> **Work instruction**: From the entries below, pull out each line where "IFCRELDEFINESBYTYPE" appears.

> **Dataset records**:
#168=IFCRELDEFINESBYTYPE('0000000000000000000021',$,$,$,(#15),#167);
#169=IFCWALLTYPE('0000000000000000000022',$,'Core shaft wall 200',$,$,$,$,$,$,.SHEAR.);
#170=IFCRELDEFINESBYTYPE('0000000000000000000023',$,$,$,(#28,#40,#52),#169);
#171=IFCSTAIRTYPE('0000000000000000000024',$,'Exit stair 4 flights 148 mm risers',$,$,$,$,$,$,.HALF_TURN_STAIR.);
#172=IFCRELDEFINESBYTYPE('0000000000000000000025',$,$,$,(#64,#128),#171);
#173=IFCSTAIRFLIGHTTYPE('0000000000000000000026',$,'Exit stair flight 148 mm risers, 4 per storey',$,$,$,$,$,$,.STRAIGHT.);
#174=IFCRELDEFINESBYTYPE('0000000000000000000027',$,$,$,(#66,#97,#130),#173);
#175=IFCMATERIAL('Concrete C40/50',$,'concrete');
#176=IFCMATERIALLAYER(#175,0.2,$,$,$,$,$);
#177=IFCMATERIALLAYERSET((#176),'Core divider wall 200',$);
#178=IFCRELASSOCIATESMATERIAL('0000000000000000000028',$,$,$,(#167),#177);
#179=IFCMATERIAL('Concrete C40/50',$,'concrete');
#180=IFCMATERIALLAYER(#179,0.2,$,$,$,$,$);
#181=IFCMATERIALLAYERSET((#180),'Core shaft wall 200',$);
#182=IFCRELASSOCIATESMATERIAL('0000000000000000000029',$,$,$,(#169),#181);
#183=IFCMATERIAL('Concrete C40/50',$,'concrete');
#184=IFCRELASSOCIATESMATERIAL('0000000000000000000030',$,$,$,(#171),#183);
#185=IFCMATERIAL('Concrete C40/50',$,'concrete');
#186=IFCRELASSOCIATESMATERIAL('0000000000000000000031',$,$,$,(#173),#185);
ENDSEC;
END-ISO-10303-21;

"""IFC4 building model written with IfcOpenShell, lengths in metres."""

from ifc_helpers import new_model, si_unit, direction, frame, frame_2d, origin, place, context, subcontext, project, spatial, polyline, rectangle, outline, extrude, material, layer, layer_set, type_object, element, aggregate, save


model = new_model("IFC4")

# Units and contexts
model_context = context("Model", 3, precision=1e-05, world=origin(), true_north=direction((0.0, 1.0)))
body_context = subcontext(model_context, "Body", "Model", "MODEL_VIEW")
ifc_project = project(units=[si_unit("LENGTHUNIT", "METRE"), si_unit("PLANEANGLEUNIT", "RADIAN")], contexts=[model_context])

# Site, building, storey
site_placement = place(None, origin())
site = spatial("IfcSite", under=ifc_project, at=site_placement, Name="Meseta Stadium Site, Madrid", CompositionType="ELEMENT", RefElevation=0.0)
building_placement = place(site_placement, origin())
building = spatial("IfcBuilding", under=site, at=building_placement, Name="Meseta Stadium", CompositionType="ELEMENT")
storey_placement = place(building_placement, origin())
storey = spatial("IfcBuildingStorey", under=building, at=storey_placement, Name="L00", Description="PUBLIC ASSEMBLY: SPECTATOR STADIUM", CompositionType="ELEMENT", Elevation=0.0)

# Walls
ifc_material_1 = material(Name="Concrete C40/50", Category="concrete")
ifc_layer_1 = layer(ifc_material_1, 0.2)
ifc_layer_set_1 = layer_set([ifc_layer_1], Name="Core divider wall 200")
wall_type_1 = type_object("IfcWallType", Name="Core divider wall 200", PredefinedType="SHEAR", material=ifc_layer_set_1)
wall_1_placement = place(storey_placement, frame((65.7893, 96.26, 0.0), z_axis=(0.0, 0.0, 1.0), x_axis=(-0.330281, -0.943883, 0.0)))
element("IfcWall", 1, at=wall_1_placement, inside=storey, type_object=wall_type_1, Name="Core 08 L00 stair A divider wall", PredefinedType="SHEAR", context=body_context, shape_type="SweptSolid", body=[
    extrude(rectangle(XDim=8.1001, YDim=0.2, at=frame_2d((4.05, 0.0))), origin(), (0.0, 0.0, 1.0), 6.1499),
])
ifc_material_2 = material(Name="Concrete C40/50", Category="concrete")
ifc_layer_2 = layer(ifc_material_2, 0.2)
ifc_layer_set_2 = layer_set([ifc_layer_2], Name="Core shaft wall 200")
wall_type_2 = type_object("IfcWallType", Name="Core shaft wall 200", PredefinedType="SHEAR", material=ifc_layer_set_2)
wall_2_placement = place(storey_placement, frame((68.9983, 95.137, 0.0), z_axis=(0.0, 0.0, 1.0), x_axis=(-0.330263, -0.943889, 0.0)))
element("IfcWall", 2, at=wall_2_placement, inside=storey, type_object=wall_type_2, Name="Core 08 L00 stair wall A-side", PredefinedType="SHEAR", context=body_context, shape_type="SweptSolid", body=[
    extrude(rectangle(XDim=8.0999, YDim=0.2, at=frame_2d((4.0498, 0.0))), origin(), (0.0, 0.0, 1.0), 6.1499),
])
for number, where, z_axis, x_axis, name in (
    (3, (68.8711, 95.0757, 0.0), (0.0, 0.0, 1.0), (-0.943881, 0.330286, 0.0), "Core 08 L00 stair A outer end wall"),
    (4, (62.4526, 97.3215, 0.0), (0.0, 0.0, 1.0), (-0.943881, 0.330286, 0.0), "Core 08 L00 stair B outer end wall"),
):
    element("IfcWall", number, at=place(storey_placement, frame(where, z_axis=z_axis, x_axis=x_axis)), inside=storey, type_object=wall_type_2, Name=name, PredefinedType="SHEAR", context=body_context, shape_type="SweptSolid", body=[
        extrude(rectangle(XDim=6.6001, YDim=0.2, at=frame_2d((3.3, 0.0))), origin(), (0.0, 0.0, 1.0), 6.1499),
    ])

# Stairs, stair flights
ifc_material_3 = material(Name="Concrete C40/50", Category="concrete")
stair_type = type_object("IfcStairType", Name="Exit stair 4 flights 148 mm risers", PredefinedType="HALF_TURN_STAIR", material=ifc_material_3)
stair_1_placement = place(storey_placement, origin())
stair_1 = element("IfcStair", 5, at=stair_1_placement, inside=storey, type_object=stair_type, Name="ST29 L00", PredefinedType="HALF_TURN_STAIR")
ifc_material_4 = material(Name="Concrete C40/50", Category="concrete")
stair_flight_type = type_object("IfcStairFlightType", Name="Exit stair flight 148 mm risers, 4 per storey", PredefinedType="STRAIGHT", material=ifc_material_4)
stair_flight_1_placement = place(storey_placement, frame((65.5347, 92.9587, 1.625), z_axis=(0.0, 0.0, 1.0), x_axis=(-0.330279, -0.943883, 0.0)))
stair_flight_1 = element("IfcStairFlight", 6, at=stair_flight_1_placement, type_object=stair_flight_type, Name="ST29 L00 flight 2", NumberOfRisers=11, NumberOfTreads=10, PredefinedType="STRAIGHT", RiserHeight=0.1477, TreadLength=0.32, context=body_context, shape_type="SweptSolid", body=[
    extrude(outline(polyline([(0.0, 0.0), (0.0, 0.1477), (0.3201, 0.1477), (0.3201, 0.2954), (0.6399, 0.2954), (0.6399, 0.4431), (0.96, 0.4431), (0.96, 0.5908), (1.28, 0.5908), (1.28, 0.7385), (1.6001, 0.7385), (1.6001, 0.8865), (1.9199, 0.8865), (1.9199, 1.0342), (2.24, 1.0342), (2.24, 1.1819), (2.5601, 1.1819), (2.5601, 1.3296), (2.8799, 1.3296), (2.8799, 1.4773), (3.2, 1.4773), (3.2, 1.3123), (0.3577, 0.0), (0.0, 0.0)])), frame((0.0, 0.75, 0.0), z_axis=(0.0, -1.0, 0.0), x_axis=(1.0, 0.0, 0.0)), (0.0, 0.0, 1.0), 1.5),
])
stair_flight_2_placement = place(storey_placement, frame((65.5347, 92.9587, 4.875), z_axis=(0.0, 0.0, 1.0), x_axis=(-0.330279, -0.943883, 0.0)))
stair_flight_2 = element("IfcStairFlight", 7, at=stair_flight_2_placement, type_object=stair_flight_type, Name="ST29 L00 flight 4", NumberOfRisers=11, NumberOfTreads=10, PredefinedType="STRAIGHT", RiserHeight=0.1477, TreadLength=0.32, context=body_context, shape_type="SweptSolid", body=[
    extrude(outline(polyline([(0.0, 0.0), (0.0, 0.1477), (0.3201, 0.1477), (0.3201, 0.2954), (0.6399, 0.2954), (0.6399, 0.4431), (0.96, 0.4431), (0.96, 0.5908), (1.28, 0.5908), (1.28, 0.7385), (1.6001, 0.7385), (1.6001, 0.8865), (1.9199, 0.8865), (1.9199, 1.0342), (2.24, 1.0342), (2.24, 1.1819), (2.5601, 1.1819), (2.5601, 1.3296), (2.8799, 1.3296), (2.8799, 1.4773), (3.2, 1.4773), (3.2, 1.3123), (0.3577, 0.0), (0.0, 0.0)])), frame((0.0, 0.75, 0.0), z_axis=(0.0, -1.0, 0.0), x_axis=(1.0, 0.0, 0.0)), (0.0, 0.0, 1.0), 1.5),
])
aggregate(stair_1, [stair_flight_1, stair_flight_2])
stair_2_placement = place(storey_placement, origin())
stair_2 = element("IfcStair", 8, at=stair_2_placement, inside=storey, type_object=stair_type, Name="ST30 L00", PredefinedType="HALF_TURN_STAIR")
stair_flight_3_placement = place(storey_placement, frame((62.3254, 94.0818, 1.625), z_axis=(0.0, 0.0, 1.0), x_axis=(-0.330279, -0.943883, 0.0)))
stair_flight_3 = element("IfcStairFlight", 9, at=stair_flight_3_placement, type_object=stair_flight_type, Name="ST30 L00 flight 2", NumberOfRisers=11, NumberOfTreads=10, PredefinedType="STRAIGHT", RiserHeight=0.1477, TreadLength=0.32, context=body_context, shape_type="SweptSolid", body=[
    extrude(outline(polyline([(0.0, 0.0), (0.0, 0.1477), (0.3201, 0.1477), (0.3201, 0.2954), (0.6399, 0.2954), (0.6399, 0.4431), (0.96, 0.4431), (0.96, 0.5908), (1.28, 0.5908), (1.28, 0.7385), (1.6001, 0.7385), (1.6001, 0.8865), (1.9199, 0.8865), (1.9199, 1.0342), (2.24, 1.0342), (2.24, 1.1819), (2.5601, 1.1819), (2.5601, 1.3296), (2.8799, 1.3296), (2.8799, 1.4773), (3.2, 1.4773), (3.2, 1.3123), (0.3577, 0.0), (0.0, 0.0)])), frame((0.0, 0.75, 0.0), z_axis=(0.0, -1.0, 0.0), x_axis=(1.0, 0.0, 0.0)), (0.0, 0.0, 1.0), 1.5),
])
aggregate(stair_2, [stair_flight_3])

> **Answer space**:
#168=IFCRELDEFINESBYTYPE('0000000000000000000021',$,$,$,(#15),#167);
#170=IFCRELDEFINESBYTYPE('0000000000000000000023',$,$,$,(#28,#40,#52),#169);
#172=IFCRELDEFINESBYTYPE('0000000000000000000025',$,$,$,(#64,#128),#171);
#174=IFCRELDEFINESBYTYPE('0000000000000000000027',$,$,$,(#66,#97,#130),#173);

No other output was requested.